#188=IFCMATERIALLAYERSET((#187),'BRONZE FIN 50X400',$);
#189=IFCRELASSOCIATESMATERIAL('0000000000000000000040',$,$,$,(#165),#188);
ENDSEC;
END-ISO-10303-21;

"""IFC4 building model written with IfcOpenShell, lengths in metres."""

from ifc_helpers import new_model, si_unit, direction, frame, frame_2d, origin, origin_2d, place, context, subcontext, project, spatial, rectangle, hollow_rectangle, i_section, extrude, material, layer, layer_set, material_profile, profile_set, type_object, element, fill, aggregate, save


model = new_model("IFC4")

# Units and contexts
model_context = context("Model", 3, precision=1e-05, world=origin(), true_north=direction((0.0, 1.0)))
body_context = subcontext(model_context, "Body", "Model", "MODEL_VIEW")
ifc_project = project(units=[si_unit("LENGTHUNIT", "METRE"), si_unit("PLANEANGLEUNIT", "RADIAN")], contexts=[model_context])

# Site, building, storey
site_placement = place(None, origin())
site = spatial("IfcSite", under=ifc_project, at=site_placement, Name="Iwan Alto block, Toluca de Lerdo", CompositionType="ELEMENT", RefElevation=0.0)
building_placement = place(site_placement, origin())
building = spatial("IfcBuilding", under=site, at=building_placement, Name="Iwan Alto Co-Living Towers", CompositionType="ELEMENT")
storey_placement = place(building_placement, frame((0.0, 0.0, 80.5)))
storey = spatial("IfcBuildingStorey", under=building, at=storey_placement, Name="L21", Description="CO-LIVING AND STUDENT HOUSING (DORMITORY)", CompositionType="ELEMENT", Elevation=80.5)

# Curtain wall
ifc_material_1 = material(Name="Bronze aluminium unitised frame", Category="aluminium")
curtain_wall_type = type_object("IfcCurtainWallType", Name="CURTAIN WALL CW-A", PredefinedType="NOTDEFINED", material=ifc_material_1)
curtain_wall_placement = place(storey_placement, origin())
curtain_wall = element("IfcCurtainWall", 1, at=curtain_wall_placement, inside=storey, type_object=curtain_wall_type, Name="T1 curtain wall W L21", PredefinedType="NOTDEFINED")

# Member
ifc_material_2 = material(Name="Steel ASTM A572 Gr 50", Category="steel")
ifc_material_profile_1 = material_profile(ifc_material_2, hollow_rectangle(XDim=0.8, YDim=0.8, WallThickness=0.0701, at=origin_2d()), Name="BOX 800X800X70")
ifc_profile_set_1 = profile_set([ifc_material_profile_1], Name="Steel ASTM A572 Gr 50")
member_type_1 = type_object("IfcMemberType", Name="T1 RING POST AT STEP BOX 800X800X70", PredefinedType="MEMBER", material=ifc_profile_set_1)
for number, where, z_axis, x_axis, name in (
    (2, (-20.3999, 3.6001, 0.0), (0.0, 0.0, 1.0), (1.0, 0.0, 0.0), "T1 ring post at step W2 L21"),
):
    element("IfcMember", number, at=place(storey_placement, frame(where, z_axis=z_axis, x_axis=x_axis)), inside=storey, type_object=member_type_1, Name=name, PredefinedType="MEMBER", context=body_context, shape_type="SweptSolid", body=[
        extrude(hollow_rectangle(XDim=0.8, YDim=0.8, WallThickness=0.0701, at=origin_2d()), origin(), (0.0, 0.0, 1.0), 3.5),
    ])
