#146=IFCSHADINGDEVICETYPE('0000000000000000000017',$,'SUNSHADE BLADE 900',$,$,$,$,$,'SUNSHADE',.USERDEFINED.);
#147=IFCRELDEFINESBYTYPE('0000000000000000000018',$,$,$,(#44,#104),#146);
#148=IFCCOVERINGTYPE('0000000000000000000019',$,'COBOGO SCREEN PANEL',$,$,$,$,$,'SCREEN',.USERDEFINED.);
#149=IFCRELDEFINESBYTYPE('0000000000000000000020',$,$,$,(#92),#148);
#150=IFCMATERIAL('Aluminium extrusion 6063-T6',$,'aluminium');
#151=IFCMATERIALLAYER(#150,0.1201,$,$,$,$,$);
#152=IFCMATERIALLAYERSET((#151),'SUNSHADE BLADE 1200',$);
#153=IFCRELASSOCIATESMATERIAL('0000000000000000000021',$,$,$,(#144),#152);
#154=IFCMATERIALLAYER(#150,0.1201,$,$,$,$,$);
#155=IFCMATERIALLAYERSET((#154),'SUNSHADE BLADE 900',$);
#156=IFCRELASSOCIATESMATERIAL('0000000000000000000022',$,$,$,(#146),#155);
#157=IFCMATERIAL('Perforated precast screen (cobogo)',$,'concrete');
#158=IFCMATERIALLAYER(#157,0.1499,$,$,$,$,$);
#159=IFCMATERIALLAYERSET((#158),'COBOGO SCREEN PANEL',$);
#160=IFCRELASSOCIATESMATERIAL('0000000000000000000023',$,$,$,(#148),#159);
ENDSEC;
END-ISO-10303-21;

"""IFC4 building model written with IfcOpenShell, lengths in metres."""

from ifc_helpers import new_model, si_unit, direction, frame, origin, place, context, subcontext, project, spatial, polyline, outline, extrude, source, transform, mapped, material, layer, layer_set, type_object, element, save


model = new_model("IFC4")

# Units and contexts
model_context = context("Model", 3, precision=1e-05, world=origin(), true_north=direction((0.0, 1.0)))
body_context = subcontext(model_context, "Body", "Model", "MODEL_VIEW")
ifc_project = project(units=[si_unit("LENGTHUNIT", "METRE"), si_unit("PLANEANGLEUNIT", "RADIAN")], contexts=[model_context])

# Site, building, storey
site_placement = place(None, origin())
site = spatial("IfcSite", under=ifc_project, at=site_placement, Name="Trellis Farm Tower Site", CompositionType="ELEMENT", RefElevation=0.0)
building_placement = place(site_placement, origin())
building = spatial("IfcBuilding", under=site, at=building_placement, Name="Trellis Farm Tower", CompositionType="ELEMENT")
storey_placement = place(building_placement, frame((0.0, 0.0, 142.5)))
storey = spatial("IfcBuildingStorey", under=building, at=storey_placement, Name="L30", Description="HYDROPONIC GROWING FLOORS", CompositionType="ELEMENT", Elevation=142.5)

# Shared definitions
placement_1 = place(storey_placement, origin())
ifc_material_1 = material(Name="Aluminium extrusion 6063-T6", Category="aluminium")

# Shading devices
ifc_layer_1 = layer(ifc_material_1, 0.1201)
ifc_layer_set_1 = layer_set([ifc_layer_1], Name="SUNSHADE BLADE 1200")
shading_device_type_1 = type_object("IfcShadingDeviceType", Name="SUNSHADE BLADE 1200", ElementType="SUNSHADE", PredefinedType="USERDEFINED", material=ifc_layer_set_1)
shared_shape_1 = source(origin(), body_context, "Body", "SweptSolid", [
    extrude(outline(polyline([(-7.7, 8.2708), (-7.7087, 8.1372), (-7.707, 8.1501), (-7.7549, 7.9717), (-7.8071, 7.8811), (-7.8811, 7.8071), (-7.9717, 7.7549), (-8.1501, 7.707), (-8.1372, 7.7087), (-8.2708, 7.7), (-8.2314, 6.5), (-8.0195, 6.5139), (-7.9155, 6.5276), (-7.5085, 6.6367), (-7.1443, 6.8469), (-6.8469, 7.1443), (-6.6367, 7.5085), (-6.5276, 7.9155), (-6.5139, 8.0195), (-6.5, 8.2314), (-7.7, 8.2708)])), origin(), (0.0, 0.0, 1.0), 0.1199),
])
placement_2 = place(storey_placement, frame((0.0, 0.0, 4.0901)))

■ **Assignment**
When you restate the listing, keep each line identical to the original.

■ **Solution to this task**
#188=IFCMATERIALLAYERSET((#187),'BRONZE FIN 50X400',$);
#189=IFCRELASSOCIATESMATERIAL('0000000000000000000040',$,$,$,(#165),#188);
ENDSEC;
END-ISO-10303-21;

"""IFC4 building model written with IfcOpenShell, lengths in metres."""

from ifc_helpers import new_model, si_unit, direction, frame, frame_2d, origin, origin_2d, place, context, subcontext, project, spatial, rectangle, hollow_rectangle, i_section, extrude, material, layer, layer_set, material_profile, profile_set, type_object, element, fill, aggregate, save


model = new_model("IFC4")

# Units and contexts
model_context = context("Model", 3, precision=1e-05, world=origin(), true_north=direction((0.0, 1.0)))
body_context = subcontext(model_context, "Body", "Model", "MODEL_VIEW")
ifc_project = project(units=[si_unit("LENGTHUNIT", "METRE"), si_unit("PLANEANGLEUNIT", "RADIAN")], contexts=[model_context])

# Site, building, storey
site_placement = place(None, origin())
site = spatial("IfcSite", under=ifc_project, at=site_placement, Name="Iwan Alto block, Toluca de Lerdo", CompositionType="ELEMENT", RefElevation=0.0)
building_placement = place(site_placement, origin())
building = spatial("IfcBuilding", under=site, at=building_placement, Name="Iwan Alto Co-Living Towers", CompositionType="ELEMENT")
storey_placement = place(building_placement, frame((0.0, 0.0, 80.5)))
storey = spatial("IfcBuildingStorey", under=building, at=storey_placement, Name="L21", Description="CO-LIVING AND STUDENT HOUSING (DORMITORY)", CompositionType="ELEMENT", Elevation=80.5)

# Curtain wall
ifc_material_1 = material(Name="Bronze aluminium unitised frame", Category="aluminium")
curtain_wall_type = type_object("IfcCurtainWallType", Name="CURTAIN WALL CW-A", PredefinedType="NOTDEFINED", material=ifc_material_1)
curtain_wall_placement = place(storey_placement, origin())
curtain_wall = element("IfcCurtainWall", 1, at=curtain_wall_placement, inside=storey, type_object=curtain_wall_type, Name="T1 curtain wall W L21", PredefinedType="NOTDEFINED")

# Member
ifc_material_2 = material(Name="Steel ASTM A572 Gr 50", Category="steel")
ifc_material_profile_1 = material_profile(ifc_material_2, hollow_rectangle(XDim=0.8, YDim=0.8, WallThickness=0.0701, at=origin_2d()), Name="BOX 800X800X70")
ifc_profile_set_1 = profile_set([ifc_material_profile_1], Name="Steel ASTM A572 Gr 50")
member_type_1 = type_object("IfcMemberType", Name="T1 RING POST AT STEP BOX 800X800X70", PredefinedType="MEMBER", material=ifc_profile_set_1)
for number, where, z_axis, x_axis, name in (
    (2, (-20.3999, 3.6001, 0.0), (0.0, 0.0, 1.0), (1.0, 0.0, 0.0), "T1 ring post at step W2 L21"),
):
    element("IfcMember", number, at=place(storey_placement, frame(where, z_axis=z_axis, x_axis=x_axis)), inside=storey, type_object=member_type_1, Name=name, PredefinedType="MEMBER", context=body_context, shape_type="SweptSolid", body=[
        extrude(hollow_rectangle(XDim=0.8, YDim=0.8, WallThickness=0.0701, at=origin_2d()), origin(), (0.0, 0.0, 1.0), 3.5),
    ])
#146=IFCSHADINGDEVICETYPE('0000000000000000000017',$,'SUNSHADE BLADE 900',$,$,$,$,$,'SUNSHADE',.USERDEFINED.);
#147=IFCRELDEFINESBYTYPE('0000000000000000000018',$,$,$,(#44,#104),#146);
#148=IFCCOVERINGTYPE('0000000000000000000019',$,'COBOGO SCREEN PANEL',$,$,$,$,$,'SCREEN',.USERDEFINED.);
#149=IFCRELDEFINESBYTYPE('0000000000000000000020',$,$,$,(#92),#148);
#150=IFCMATERIAL('Aluminium extrusion 6063-T6',$,'aluminium');
#151=IFCMATERIALLAYER(#150,0.1201,$,$,$,$,$);
#152=IFCMATERIALLAYERSET((#151),'SUNSHADE BLADE 1200',$);
#153=IFCRELASSOCIATESMATERIAL('0000000000000000000021',$,$,$,(#144),#152);
#154=IFCMATERIALLAYER(#150,0.1201,$,$,$,$,$);
#155=IFCMATERIALLAYERSET((#154),'SUNSHADE BLADE 900',$);
#156=IFCRELASSOCIATESMATERIAL('0000000000000000000022',$,$,$,(#146),#155);
#157=IFCMATERIAL('Perforated precast screen (cobogo)',$,'concrete');
#158=IFCMATERIALLAYER(#157,0.1499,$,$,$,$,$);
#159=IFCMATERIALLAYERSET((#158),'COBOGO SCREEN PANEL',$);
#160=IFCRELASSOCIATESMATERIAL('0000000000000000000023',$,$,$,(#148),#159);
ENDSEC;
END-ISO-10303-21;

"""IFC4 building model written with IfcOpenShell, lengths in metres."""

from ifc_helpers import new_model, si_unit, direction, frame, origin, place, context, subcontext, project, spatial, polyline, outline, extrude, source, transform, mapped, material, layer, layer_set, type_object, element, save


model = new_model("IFC4")

# Units and contexts
model_context = context("Model", 3, precision=1e-05, world=origin(), true_north=direction((0.0, 1.0)))
body_context = subcontext(model_context, "Body", "Model", "MODEL_VIEW")
ifc_project = project(units=[si_unit("LENGTHUNIT", "METRE"), si_unit("PLANEANGLEUNIT", "RADIAN")], contexts=[model_context])

# Site, building, storey
site_placement = place(None, origin())
site = spatial("IfcSite", under=ifc_project, at=site_placement, Name="Trellis Farm Tower Site", CompositionType="ELEMENT", RefElevation=0.0)
building_placement = place(site_placement, origin())
building = spatial("IfcBuilding", under=site, at=building_placement, Name="Trellis Farm Tower", CompositionType="ELEMENT")
storey_placement = place(building_placement, frame((0.0, 0.0, 142.5)))
storey = spatial("IfcBuildingStorey", under=building, at=storey_placement, Name="L30", Description="HYDROPONIC GROWING FLOORS", CompositionType="ELEMENT", Elevation=142.5)

# Shared definitions
placement_1 = place(storey_placement, origin())
ifc_material_1 = material(Name="Aluminium extrusion 6063-T6", Category="aluminium")

# Shading devices
ifc_layer_1 = layer(ifc_material_1, 0.1201)
ifc_layer_set_1 = layer_set([ifc_layer_1], Name="SUNSHADE BLADE 1200")
shading_device_type_1 = type_object("IfcShadingDeviceType", Name="SUNSHADE BLADE 1200", ElementType="SUNSHADE", PredefinedType="USERDEFINED", material=ifc_layer_set_1)
shared_shape_1 = source(origin(), body_context, "Body", "SweptSolid", [
    extrude(outline(polyline([(-7.7, 8.2708), (-7.7087, 8.1372), (-7.707, 8.1501), (-7.7549, 7.9717), (-7.8071, 7.8811), (-7.8811, 7.8071), (-7.9717, 7.7549), (-8.1501, 7.707), (-8.1372, 7.7087), (-8.2708, 7.7), (-8.2314, 6.5), (-8.0195, 6.5139), (-7.9155, 6.5276), (-7.5085, 6.6367), (-7.1443, 6.8469), (-6.8469, 7.1443), (-6.6367, 7.5085), (-6.5276, 7.9155), (-6.5139, 8.0195), (-6.5, 8.2314), (-7.7, 8.2708)])), origin(), (0.0, 0.0, 1.0), 0.1199),
])
placement_2 = place(storey_placement, frame((0.0, 0.0, 4.0901)))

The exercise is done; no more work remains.